▶ Problem description:
Transcribe the stretch of entries below from the line with "site_placement = place(None, origin())" through the line with "building_placement = place(site_placement, origin())", exactly and with both ends included; leave out all other lines.

══ Records for the exercise

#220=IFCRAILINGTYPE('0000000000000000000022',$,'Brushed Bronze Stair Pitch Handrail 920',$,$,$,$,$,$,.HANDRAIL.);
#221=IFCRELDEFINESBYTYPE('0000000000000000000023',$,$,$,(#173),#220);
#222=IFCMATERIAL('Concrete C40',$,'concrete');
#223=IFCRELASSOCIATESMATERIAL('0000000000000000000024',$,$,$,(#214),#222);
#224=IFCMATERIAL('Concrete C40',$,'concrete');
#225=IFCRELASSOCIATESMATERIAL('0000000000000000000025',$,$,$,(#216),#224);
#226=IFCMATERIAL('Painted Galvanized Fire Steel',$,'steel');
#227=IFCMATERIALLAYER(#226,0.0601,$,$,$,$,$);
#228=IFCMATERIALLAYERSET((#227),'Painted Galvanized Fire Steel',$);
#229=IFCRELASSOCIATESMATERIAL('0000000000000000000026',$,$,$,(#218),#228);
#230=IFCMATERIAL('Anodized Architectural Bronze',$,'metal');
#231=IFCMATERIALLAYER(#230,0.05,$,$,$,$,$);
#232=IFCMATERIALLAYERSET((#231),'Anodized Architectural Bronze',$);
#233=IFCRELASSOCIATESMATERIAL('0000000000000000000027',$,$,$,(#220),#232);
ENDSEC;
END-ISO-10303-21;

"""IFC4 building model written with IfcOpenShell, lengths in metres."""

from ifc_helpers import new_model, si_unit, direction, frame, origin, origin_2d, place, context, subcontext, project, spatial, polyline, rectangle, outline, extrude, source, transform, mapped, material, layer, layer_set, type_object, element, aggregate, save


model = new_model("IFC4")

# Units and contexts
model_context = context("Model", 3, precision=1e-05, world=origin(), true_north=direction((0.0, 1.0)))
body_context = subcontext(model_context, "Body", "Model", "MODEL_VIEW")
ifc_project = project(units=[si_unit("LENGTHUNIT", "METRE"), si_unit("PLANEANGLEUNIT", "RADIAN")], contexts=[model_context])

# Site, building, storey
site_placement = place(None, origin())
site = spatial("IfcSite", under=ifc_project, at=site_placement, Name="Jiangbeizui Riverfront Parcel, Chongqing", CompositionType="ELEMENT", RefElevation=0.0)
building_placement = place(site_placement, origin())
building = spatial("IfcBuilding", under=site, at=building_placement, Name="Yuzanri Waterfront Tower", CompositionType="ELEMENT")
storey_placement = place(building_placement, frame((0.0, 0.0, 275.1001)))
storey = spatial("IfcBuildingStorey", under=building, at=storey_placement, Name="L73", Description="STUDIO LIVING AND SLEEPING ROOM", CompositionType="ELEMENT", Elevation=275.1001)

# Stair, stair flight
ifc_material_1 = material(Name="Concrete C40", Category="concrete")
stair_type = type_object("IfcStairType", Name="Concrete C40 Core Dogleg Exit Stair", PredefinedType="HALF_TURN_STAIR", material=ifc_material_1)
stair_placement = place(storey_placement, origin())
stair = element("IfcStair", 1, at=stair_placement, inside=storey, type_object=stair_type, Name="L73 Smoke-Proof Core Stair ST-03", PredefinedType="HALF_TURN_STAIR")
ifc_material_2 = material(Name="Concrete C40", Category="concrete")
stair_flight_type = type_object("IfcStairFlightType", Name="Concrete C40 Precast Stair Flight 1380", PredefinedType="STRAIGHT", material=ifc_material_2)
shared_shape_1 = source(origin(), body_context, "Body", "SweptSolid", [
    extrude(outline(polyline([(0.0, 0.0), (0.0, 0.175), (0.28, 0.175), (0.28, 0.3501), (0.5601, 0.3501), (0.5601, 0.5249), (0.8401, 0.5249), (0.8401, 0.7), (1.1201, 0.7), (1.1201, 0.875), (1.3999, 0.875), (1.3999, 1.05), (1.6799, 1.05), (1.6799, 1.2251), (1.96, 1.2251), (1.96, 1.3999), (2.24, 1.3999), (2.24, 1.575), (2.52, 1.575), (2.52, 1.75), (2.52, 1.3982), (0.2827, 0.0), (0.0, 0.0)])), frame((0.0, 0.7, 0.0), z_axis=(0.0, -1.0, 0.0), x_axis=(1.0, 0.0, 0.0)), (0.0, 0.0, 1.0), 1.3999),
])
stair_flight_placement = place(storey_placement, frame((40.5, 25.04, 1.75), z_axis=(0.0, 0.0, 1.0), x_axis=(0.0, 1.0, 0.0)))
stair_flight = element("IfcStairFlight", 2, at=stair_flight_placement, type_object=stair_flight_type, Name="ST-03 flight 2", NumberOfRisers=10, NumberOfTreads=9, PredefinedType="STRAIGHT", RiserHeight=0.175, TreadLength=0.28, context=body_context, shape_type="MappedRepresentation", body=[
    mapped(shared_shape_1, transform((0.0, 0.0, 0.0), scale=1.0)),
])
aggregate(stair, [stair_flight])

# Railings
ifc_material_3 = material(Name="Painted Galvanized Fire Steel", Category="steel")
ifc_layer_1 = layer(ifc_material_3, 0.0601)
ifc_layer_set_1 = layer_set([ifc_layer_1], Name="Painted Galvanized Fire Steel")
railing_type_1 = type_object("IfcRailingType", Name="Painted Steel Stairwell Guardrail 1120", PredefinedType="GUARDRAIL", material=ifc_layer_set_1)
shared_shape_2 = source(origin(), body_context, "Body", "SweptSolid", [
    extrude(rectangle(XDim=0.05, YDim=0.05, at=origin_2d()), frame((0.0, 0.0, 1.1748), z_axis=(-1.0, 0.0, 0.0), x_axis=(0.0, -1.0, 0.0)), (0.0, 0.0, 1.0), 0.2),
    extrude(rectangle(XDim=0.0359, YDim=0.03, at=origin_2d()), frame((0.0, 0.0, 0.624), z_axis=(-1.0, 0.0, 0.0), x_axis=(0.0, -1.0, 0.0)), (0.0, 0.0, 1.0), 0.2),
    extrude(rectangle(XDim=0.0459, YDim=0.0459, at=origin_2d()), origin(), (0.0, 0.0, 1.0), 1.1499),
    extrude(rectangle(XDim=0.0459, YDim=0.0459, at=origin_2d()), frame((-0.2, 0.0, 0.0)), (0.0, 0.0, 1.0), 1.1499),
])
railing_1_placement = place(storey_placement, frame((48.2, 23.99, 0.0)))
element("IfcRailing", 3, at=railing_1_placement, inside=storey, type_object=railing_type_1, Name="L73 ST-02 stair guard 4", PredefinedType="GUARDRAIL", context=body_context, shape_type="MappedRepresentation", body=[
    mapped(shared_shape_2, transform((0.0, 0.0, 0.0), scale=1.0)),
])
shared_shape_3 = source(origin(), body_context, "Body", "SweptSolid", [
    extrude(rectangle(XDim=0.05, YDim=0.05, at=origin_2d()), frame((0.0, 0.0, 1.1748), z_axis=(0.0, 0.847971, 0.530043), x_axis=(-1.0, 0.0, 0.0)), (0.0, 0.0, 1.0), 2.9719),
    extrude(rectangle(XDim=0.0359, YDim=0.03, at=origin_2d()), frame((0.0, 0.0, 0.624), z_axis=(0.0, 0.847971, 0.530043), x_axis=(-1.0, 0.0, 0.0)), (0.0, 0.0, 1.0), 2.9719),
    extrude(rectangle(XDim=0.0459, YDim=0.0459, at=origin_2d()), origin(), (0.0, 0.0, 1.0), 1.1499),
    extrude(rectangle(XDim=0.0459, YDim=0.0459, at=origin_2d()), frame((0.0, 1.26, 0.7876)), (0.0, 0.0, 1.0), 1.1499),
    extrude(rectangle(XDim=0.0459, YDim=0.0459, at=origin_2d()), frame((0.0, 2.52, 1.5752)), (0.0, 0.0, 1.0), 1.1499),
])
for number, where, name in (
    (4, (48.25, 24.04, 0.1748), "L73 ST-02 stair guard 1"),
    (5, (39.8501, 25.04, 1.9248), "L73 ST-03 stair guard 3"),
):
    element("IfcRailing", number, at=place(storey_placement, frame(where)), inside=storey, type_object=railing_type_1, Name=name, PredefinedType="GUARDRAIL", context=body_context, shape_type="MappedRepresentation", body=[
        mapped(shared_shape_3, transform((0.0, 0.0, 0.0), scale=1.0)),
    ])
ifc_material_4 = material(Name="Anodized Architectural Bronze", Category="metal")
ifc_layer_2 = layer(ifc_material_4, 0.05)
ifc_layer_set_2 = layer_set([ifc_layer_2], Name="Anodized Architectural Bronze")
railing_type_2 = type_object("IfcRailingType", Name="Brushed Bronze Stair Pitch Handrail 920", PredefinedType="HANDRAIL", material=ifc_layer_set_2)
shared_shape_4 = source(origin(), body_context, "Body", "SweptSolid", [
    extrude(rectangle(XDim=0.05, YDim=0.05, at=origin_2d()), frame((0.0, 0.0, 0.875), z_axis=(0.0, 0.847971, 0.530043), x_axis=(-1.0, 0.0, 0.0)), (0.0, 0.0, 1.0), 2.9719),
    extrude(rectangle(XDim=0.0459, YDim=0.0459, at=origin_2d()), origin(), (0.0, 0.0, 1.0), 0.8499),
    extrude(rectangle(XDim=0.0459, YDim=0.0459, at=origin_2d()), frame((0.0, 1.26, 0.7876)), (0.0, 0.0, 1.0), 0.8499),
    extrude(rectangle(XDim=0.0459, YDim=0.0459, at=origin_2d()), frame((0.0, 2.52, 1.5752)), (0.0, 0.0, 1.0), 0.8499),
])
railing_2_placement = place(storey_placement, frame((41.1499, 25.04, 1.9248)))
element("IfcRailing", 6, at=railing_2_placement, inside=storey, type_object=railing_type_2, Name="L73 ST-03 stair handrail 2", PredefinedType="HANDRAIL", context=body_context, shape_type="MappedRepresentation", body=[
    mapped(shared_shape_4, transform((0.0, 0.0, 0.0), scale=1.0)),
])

════

▶ Solution below:
site_placement = place(None, origin())
site = spatial("IfcSite", under=ifc_project, at=site_placement, Name="Jiangbeizui Riverfront Parcel, Chongqing", CompositionType="ELEMENT", RefElevation=0.0)
building_placement = place(site_placement, origin())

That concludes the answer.